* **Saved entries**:
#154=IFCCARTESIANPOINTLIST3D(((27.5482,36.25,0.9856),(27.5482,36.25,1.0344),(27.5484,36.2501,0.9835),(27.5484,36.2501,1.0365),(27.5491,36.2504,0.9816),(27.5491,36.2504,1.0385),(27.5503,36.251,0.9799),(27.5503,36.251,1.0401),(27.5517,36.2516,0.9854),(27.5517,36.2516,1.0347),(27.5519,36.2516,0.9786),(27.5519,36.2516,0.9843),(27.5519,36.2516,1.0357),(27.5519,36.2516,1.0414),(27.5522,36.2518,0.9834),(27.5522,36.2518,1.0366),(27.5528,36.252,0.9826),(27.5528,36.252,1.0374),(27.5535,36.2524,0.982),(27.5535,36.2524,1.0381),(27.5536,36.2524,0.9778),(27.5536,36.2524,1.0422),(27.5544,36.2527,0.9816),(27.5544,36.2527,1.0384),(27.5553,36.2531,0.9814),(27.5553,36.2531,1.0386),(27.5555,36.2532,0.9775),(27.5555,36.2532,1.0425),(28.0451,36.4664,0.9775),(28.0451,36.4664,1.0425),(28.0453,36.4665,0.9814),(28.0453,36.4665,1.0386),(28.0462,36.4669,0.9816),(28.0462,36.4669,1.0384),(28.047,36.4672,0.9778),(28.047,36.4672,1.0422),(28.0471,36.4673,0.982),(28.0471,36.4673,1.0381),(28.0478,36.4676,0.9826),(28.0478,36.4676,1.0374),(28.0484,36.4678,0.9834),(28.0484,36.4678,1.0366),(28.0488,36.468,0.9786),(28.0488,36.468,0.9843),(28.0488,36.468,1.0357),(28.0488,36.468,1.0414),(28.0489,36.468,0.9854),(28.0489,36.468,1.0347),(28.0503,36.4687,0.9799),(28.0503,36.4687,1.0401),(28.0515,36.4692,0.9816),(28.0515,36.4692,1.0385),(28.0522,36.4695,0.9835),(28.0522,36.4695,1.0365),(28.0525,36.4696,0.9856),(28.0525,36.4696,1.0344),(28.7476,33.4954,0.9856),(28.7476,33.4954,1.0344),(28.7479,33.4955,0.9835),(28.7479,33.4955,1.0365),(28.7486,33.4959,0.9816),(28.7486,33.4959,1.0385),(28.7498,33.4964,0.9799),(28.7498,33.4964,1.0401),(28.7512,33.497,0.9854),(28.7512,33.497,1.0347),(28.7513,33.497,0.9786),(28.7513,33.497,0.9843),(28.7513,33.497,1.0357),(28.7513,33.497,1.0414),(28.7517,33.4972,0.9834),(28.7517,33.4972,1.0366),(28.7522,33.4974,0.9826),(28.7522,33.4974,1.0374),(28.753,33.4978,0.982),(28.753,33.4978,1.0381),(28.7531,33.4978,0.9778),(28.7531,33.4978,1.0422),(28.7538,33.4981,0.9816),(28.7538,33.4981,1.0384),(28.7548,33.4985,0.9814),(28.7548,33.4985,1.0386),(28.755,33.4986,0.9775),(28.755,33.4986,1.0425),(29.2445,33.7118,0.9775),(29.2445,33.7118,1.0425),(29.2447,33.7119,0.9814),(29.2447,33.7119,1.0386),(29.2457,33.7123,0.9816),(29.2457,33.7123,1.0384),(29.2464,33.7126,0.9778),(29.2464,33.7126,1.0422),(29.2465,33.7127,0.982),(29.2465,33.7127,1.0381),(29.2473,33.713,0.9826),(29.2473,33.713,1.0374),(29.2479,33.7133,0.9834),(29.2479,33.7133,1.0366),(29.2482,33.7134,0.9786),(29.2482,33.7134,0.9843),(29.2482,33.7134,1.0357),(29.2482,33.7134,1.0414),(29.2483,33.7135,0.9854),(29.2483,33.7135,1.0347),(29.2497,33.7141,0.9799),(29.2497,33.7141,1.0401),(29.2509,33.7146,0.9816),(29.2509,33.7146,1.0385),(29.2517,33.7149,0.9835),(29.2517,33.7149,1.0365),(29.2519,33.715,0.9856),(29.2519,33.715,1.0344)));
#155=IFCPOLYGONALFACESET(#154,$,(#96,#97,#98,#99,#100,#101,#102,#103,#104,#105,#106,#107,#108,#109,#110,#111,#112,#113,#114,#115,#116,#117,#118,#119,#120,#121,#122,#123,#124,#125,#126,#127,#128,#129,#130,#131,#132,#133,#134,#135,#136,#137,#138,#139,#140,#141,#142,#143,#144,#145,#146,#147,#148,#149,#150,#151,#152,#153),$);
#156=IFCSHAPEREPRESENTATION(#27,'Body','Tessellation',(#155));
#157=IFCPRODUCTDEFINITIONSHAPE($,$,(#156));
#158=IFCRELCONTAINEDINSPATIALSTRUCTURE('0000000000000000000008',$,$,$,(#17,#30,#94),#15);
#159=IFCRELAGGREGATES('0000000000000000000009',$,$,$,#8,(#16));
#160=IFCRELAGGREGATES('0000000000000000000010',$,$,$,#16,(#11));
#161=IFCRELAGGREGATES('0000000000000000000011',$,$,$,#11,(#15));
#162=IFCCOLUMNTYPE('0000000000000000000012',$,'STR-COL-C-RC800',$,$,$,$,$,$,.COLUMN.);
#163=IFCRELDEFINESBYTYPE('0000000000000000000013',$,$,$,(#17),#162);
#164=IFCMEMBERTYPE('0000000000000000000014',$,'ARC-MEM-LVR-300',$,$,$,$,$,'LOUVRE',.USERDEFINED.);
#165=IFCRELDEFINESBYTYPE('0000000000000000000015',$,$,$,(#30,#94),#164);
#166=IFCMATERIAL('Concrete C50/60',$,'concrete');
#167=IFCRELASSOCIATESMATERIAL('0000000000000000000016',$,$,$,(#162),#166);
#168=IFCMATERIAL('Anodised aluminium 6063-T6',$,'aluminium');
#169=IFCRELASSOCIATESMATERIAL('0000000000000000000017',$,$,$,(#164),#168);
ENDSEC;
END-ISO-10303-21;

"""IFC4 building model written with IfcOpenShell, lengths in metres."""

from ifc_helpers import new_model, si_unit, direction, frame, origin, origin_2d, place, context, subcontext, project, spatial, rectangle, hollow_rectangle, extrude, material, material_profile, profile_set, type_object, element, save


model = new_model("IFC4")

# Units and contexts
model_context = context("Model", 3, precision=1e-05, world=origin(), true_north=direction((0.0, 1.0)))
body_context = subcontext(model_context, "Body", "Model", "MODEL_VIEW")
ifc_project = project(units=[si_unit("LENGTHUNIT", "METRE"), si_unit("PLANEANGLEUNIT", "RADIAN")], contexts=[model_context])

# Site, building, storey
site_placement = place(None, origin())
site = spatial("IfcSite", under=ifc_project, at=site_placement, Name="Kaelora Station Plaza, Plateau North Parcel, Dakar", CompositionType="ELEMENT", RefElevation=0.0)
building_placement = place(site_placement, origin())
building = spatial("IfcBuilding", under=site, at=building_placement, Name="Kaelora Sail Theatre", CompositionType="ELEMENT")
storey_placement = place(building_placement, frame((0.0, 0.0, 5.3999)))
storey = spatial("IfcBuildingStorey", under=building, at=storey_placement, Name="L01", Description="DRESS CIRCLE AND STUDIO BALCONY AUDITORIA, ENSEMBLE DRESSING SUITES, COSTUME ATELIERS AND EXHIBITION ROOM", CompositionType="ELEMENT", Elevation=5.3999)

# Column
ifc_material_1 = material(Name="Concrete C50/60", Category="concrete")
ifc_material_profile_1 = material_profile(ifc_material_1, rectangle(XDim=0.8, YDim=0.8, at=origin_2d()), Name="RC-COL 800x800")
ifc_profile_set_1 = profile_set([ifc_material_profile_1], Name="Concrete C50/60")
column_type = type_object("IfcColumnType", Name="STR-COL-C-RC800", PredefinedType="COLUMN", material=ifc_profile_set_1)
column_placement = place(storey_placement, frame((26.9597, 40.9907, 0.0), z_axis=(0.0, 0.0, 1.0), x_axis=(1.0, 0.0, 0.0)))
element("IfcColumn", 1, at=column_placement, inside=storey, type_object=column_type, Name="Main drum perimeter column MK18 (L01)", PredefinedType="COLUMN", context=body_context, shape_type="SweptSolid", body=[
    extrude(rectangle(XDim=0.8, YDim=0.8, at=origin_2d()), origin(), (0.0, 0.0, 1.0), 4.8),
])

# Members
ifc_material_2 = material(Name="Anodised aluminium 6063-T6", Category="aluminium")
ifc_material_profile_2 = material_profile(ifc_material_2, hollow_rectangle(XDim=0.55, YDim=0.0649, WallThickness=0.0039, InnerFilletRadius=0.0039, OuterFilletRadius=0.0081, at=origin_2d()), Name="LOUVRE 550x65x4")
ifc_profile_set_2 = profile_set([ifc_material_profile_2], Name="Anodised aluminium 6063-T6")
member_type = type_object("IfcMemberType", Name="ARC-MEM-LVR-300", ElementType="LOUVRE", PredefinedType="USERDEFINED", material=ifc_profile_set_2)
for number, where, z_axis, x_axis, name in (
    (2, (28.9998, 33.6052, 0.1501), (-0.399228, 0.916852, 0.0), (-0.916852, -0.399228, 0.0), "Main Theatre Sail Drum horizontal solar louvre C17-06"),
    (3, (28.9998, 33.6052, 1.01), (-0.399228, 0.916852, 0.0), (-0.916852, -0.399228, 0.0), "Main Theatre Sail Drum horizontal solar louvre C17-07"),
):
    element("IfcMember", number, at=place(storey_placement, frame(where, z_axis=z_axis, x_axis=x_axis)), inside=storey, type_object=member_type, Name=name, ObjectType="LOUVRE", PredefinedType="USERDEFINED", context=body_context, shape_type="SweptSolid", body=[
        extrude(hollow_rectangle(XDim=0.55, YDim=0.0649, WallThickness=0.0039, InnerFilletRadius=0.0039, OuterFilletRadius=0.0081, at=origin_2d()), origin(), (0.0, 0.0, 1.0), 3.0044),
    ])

--

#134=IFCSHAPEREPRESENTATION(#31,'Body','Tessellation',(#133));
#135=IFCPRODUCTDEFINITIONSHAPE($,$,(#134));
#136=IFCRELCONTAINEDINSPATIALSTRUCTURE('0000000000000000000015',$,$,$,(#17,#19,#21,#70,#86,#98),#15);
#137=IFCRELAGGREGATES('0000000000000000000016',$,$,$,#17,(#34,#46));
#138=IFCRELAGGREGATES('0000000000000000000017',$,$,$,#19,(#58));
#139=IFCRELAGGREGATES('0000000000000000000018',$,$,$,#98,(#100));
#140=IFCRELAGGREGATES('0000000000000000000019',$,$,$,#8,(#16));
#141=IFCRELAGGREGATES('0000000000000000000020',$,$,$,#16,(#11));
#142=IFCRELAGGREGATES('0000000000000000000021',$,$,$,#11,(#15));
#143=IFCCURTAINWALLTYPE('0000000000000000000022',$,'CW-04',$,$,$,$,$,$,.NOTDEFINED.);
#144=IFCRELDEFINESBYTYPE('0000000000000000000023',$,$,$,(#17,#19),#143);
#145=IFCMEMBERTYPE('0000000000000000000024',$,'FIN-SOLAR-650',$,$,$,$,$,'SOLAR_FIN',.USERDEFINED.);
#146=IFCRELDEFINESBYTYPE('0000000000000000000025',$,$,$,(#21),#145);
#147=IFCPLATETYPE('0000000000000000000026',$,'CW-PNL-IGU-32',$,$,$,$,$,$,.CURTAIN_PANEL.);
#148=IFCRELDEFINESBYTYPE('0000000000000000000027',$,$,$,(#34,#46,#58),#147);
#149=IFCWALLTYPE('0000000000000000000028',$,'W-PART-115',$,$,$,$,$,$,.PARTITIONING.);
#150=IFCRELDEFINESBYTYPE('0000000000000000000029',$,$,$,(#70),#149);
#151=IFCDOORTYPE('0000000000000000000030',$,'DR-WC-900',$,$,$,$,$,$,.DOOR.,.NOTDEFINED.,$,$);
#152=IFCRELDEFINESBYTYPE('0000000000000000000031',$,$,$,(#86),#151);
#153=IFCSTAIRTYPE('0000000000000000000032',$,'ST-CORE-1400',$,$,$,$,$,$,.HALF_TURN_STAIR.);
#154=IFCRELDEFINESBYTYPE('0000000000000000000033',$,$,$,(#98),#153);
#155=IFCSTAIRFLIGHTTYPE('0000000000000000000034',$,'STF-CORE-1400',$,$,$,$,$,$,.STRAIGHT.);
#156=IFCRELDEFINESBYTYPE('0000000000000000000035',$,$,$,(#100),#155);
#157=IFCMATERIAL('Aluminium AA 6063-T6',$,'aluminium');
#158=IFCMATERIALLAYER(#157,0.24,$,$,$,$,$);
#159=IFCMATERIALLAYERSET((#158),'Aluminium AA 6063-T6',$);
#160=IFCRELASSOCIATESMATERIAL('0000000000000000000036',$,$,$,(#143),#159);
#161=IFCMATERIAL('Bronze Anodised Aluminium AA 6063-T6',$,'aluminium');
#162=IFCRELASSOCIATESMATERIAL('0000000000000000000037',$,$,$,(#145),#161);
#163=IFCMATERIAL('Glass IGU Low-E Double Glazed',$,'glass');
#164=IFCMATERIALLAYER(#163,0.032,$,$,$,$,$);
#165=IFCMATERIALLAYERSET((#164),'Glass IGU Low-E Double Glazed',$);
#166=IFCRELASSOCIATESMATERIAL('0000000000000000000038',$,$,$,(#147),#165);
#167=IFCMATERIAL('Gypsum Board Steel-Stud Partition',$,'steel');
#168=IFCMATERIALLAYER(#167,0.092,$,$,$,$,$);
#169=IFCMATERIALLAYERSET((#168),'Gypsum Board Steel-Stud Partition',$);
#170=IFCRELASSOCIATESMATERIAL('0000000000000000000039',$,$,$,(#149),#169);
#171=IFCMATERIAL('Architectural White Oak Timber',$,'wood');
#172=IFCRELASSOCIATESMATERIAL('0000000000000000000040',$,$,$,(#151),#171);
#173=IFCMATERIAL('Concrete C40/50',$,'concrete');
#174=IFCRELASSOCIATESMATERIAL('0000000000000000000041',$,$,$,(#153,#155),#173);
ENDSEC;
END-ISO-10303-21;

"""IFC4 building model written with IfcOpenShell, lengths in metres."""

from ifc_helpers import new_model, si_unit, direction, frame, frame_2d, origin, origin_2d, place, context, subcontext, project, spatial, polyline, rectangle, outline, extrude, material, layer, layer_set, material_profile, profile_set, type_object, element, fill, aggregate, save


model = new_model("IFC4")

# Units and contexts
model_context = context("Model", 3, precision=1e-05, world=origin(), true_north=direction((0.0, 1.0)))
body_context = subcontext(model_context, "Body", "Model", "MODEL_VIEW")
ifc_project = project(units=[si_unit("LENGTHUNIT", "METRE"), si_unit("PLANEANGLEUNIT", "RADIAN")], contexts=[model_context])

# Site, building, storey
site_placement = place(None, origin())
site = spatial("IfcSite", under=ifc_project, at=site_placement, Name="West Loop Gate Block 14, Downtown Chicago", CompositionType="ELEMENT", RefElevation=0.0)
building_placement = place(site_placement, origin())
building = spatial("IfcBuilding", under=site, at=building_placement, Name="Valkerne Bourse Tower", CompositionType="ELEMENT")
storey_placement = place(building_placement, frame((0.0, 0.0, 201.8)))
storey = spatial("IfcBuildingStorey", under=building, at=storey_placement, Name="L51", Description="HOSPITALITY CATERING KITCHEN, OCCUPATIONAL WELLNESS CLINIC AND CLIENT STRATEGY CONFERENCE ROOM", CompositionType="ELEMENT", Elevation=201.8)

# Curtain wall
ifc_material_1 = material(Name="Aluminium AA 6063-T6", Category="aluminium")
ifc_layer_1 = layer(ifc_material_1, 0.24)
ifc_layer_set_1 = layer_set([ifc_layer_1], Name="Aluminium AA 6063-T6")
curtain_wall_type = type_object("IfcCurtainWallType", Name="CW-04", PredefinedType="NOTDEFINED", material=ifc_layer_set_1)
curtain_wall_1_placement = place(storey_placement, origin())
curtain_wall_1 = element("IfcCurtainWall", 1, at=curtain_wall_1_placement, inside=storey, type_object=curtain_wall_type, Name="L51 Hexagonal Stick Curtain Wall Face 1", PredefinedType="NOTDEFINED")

---

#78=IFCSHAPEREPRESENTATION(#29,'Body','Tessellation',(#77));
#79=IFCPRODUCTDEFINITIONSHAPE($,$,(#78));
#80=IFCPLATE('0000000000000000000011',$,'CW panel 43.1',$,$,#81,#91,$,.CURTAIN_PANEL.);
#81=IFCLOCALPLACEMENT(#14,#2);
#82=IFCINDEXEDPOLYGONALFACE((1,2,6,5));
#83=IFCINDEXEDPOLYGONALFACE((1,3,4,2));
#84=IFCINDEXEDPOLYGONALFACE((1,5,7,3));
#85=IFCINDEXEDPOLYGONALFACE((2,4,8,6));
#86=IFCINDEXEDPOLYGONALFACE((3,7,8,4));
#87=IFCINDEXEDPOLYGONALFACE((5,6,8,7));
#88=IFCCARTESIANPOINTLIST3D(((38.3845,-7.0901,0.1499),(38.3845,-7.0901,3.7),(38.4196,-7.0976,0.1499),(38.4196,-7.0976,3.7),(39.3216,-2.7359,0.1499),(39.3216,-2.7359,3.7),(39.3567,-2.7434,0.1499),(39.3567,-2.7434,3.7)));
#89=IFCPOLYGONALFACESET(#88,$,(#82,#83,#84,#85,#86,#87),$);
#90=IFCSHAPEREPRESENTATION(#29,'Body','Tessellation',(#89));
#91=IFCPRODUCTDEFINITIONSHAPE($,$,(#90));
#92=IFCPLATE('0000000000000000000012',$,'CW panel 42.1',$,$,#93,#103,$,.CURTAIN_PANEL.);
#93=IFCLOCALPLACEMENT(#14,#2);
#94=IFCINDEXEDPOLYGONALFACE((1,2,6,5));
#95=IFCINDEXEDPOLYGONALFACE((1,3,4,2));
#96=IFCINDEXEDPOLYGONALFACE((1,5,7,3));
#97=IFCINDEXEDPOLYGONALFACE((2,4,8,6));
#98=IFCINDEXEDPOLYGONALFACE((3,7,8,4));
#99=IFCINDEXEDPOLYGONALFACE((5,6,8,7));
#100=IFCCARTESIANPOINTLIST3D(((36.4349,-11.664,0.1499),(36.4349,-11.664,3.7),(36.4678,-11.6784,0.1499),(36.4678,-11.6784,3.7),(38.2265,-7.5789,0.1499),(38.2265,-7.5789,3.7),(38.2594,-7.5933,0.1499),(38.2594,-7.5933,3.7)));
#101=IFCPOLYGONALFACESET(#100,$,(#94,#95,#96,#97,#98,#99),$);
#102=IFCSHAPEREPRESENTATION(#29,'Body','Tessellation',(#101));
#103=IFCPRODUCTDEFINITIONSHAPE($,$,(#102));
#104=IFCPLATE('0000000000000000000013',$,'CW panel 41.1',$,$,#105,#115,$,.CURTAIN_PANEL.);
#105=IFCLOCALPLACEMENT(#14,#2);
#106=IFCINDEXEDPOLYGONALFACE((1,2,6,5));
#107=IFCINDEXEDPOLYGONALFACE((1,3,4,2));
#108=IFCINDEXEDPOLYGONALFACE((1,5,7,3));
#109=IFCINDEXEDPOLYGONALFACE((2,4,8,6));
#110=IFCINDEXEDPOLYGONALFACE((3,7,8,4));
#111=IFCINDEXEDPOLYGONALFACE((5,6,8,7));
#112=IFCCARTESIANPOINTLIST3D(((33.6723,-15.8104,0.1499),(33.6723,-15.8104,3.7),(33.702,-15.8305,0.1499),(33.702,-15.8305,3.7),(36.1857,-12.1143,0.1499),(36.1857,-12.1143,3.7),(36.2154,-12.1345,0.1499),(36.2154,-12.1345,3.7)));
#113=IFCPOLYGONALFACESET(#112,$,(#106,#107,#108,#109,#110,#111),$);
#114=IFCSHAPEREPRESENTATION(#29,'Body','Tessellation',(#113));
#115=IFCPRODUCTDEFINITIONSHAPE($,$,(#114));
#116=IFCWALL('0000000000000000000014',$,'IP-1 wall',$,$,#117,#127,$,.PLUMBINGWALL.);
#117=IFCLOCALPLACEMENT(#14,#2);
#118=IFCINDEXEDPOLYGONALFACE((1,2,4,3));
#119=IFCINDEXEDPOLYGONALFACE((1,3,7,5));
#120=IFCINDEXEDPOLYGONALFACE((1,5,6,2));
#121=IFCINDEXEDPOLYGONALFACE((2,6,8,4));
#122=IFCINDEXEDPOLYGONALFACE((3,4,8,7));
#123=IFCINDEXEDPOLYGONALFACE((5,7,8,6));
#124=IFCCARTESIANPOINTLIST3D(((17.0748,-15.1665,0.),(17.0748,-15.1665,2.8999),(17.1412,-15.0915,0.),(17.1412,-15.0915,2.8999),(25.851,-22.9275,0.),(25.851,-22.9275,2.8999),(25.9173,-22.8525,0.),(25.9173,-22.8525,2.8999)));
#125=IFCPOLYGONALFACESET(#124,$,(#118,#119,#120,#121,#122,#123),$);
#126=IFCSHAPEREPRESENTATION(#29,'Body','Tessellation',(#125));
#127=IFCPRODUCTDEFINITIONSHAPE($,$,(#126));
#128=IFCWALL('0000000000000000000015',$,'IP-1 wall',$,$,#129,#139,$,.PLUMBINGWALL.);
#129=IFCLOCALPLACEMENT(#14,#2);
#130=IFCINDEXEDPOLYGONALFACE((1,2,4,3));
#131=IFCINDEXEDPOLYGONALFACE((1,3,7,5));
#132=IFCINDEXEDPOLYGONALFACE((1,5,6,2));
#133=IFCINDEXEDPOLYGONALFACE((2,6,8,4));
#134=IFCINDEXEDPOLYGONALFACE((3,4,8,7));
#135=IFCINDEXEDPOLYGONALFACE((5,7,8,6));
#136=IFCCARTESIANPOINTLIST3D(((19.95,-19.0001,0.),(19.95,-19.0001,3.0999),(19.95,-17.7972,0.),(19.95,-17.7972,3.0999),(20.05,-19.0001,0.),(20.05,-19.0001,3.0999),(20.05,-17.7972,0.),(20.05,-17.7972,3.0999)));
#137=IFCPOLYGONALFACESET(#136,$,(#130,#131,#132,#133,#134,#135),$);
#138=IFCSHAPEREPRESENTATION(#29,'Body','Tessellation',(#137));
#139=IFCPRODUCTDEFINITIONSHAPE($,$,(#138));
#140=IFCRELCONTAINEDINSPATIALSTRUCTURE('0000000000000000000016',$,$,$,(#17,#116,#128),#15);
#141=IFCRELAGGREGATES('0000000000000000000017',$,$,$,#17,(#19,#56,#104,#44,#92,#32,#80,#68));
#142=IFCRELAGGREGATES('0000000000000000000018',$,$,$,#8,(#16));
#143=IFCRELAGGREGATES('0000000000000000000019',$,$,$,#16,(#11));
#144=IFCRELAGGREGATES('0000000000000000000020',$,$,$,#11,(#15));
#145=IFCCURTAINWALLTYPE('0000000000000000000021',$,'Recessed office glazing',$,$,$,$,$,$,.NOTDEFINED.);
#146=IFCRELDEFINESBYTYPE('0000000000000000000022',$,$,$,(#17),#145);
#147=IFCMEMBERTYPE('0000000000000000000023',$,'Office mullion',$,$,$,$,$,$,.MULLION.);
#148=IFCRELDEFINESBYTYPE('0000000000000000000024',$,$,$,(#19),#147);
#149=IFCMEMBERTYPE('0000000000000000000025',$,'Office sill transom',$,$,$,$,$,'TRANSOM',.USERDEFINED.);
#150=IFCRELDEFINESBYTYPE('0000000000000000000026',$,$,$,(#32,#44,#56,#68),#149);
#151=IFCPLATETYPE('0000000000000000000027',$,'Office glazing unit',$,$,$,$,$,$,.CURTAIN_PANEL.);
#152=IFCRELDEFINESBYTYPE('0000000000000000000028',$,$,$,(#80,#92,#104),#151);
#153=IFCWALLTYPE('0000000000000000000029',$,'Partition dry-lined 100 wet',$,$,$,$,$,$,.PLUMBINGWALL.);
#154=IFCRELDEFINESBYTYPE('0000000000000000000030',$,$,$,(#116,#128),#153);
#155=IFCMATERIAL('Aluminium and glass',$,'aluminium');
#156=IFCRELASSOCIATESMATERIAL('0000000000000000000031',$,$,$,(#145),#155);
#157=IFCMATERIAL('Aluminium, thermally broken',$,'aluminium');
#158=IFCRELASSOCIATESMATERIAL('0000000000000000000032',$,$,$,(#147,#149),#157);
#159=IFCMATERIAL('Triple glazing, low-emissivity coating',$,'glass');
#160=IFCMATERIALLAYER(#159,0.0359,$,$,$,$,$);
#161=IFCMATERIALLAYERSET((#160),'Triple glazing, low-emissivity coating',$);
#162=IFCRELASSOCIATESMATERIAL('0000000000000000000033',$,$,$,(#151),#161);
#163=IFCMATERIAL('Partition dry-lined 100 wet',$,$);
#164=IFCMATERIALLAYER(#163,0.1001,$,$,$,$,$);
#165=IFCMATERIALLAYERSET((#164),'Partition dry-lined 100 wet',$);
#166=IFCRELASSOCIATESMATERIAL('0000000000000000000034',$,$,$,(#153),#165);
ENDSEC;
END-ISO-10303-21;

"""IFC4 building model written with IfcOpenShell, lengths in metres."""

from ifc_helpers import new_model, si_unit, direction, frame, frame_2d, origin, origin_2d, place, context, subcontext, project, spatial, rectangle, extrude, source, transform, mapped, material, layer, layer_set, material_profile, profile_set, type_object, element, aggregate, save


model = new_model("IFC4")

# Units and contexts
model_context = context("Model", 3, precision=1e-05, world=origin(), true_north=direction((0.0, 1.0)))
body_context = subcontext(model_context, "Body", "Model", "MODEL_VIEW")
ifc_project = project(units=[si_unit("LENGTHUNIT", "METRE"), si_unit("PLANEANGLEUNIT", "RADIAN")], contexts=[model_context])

* **Exercise brief**:
Please state only the number of lines above that hold the string "coating".

* **Reply to the exercise**:
2